**Exercise**:
Go over the records and copy every line with the string "YDim".

**Data provided**:
□ □ □

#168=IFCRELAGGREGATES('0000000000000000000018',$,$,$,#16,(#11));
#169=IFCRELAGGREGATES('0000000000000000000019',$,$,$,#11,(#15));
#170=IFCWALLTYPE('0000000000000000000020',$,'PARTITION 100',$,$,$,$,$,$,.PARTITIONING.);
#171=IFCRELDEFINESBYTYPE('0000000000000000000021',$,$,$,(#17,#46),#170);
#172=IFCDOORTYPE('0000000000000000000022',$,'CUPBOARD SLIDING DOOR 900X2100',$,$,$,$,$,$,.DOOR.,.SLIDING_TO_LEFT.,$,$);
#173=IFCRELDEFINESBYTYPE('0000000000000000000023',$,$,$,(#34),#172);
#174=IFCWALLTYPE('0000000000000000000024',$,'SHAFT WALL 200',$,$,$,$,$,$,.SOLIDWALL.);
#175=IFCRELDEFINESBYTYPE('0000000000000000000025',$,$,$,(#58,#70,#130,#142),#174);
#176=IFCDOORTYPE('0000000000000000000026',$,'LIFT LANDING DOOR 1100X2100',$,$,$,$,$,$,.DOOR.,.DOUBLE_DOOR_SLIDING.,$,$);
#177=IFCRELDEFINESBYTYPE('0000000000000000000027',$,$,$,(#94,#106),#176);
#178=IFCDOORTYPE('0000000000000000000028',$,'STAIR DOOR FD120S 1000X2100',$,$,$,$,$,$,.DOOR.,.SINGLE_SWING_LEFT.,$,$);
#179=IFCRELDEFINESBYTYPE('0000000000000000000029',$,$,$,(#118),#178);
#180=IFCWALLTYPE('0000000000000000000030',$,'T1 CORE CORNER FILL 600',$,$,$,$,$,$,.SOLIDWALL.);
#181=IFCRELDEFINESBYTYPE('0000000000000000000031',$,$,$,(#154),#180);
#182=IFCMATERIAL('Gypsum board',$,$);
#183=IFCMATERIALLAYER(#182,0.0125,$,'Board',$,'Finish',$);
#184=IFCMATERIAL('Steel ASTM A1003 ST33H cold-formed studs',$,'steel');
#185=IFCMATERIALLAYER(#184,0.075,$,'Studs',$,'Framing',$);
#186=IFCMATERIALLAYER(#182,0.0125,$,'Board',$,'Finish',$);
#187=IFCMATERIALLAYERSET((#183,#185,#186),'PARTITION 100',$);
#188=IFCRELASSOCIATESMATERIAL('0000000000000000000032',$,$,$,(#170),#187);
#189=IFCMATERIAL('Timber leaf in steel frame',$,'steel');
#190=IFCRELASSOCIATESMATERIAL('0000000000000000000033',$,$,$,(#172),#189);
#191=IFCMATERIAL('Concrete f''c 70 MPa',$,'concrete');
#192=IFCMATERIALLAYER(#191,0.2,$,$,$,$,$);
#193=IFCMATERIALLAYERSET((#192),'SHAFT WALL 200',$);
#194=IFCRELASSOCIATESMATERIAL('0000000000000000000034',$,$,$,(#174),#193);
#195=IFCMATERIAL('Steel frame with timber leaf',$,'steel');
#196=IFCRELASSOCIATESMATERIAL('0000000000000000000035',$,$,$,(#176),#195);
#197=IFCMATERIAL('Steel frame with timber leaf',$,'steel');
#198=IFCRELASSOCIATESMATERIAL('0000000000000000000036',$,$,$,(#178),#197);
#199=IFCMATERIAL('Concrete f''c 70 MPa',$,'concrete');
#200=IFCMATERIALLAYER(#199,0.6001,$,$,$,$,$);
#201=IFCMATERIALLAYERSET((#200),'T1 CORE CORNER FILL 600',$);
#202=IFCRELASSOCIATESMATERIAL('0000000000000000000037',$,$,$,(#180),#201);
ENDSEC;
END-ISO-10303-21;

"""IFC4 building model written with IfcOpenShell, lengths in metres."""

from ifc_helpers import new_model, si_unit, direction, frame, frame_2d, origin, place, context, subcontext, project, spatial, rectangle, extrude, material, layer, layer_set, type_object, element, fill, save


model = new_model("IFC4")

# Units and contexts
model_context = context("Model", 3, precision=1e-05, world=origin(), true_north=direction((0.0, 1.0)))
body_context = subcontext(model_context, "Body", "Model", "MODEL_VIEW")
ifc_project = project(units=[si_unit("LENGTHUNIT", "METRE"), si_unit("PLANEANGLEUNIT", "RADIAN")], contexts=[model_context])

□ □ □

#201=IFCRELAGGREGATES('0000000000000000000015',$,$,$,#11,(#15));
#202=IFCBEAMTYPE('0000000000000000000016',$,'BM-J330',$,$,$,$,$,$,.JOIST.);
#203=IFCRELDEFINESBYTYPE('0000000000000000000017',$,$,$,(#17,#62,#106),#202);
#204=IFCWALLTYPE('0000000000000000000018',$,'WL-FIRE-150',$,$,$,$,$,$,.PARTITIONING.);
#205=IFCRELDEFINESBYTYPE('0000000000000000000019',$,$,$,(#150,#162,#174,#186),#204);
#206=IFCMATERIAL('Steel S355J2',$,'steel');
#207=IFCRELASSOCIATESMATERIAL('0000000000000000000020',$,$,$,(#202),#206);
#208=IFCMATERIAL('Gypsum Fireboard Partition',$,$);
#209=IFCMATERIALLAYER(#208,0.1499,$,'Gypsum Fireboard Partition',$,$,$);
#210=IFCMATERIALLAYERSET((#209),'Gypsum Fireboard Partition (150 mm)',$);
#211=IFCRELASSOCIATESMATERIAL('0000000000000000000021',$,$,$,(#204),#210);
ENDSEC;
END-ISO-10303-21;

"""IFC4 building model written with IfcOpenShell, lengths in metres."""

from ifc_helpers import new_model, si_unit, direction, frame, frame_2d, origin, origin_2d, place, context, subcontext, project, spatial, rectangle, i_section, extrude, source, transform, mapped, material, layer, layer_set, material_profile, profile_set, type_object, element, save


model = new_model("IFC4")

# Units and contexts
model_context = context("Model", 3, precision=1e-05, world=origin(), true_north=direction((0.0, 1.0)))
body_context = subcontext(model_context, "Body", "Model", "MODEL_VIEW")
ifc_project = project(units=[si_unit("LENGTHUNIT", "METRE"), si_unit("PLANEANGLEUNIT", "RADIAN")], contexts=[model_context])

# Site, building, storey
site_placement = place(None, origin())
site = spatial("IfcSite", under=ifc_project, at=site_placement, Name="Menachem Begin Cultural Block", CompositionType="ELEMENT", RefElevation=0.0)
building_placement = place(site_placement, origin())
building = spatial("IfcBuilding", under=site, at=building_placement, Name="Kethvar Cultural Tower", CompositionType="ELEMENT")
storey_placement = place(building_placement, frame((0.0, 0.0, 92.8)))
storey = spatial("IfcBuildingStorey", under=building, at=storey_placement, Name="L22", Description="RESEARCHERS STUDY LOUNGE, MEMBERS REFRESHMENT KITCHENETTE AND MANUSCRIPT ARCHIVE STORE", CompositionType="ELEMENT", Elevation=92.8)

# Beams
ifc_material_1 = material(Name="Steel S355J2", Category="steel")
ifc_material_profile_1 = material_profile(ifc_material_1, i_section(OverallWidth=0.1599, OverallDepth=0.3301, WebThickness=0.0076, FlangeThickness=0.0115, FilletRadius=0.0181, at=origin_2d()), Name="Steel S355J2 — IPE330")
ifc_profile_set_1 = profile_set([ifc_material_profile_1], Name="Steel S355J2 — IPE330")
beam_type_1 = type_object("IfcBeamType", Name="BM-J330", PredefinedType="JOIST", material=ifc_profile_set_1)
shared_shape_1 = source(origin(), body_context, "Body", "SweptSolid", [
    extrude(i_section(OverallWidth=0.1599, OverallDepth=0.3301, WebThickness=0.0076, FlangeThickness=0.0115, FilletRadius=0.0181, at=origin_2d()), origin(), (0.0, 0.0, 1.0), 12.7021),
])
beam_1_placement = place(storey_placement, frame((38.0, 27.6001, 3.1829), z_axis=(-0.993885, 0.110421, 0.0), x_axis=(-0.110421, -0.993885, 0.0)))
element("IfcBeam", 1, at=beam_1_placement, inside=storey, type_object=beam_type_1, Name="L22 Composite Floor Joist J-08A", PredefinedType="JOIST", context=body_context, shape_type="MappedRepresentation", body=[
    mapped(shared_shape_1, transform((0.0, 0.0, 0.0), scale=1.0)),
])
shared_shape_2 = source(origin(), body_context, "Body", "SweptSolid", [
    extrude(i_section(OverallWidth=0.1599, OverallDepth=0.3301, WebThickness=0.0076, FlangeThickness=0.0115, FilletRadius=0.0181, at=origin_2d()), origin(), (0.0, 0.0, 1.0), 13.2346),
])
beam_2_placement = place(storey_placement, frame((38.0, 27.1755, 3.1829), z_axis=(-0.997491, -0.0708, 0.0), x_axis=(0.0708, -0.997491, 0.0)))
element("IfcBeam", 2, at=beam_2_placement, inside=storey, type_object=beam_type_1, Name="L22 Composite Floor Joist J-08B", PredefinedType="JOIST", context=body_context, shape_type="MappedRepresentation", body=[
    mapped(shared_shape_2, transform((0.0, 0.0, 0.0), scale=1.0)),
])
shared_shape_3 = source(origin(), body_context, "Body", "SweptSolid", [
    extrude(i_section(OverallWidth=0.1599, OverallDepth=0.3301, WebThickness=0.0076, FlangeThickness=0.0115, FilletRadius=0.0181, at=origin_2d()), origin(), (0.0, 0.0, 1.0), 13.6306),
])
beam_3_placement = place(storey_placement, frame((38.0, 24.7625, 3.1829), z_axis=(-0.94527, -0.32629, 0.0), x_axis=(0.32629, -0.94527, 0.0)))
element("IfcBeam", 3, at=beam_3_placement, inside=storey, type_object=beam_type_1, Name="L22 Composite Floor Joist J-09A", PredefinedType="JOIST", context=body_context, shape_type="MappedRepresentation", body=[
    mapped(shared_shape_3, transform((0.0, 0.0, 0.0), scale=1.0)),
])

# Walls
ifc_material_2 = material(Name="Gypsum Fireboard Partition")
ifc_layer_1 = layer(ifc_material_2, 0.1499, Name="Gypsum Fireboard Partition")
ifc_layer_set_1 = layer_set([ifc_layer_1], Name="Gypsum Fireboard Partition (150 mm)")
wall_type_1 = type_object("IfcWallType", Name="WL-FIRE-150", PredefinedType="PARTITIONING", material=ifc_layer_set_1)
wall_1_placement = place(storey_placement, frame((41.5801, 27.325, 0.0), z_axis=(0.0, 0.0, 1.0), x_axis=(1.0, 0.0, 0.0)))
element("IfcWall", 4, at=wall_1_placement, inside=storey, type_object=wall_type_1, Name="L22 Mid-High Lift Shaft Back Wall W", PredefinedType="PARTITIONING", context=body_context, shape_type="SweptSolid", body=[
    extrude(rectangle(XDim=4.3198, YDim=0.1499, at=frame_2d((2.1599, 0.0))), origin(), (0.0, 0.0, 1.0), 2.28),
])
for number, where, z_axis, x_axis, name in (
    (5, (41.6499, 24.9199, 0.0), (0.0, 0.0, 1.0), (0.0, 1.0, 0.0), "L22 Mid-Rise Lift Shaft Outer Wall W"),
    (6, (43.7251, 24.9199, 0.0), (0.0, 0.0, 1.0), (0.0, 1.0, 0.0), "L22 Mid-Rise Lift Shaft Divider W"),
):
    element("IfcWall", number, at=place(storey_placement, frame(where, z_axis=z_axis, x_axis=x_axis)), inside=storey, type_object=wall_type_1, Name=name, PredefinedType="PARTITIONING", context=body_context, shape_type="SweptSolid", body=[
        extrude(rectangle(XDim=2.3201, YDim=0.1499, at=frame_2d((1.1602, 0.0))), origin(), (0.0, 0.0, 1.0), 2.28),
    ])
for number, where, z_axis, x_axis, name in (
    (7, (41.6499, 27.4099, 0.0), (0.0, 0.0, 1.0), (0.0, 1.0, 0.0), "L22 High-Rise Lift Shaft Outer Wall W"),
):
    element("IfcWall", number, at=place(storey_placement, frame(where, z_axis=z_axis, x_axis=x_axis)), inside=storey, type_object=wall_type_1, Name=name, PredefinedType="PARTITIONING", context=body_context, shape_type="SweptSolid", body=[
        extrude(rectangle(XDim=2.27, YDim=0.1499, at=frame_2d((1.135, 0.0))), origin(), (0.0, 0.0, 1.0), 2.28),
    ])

□ □ □

**Answer space**:
    extrude(rectangle(XDim=4.3198, YDim=0.1499, at=frame_2d((2.1599, 0.0))), origin(), (0.0, 0.0, 1.0), 2.28),
        extrude(rectangle(XDim=2.3201, YDim=0.1499, at=frame_2d((1.1602, 0.0))), origin(), (0.0, 0.0, 1.0), 2.28),
        extrude(rectangle(XDim=2.27, YDim=0.1499, at=frame_2d((1.135, 0.0))), origin(), (0.0, 0.0, 1.0), 2.28),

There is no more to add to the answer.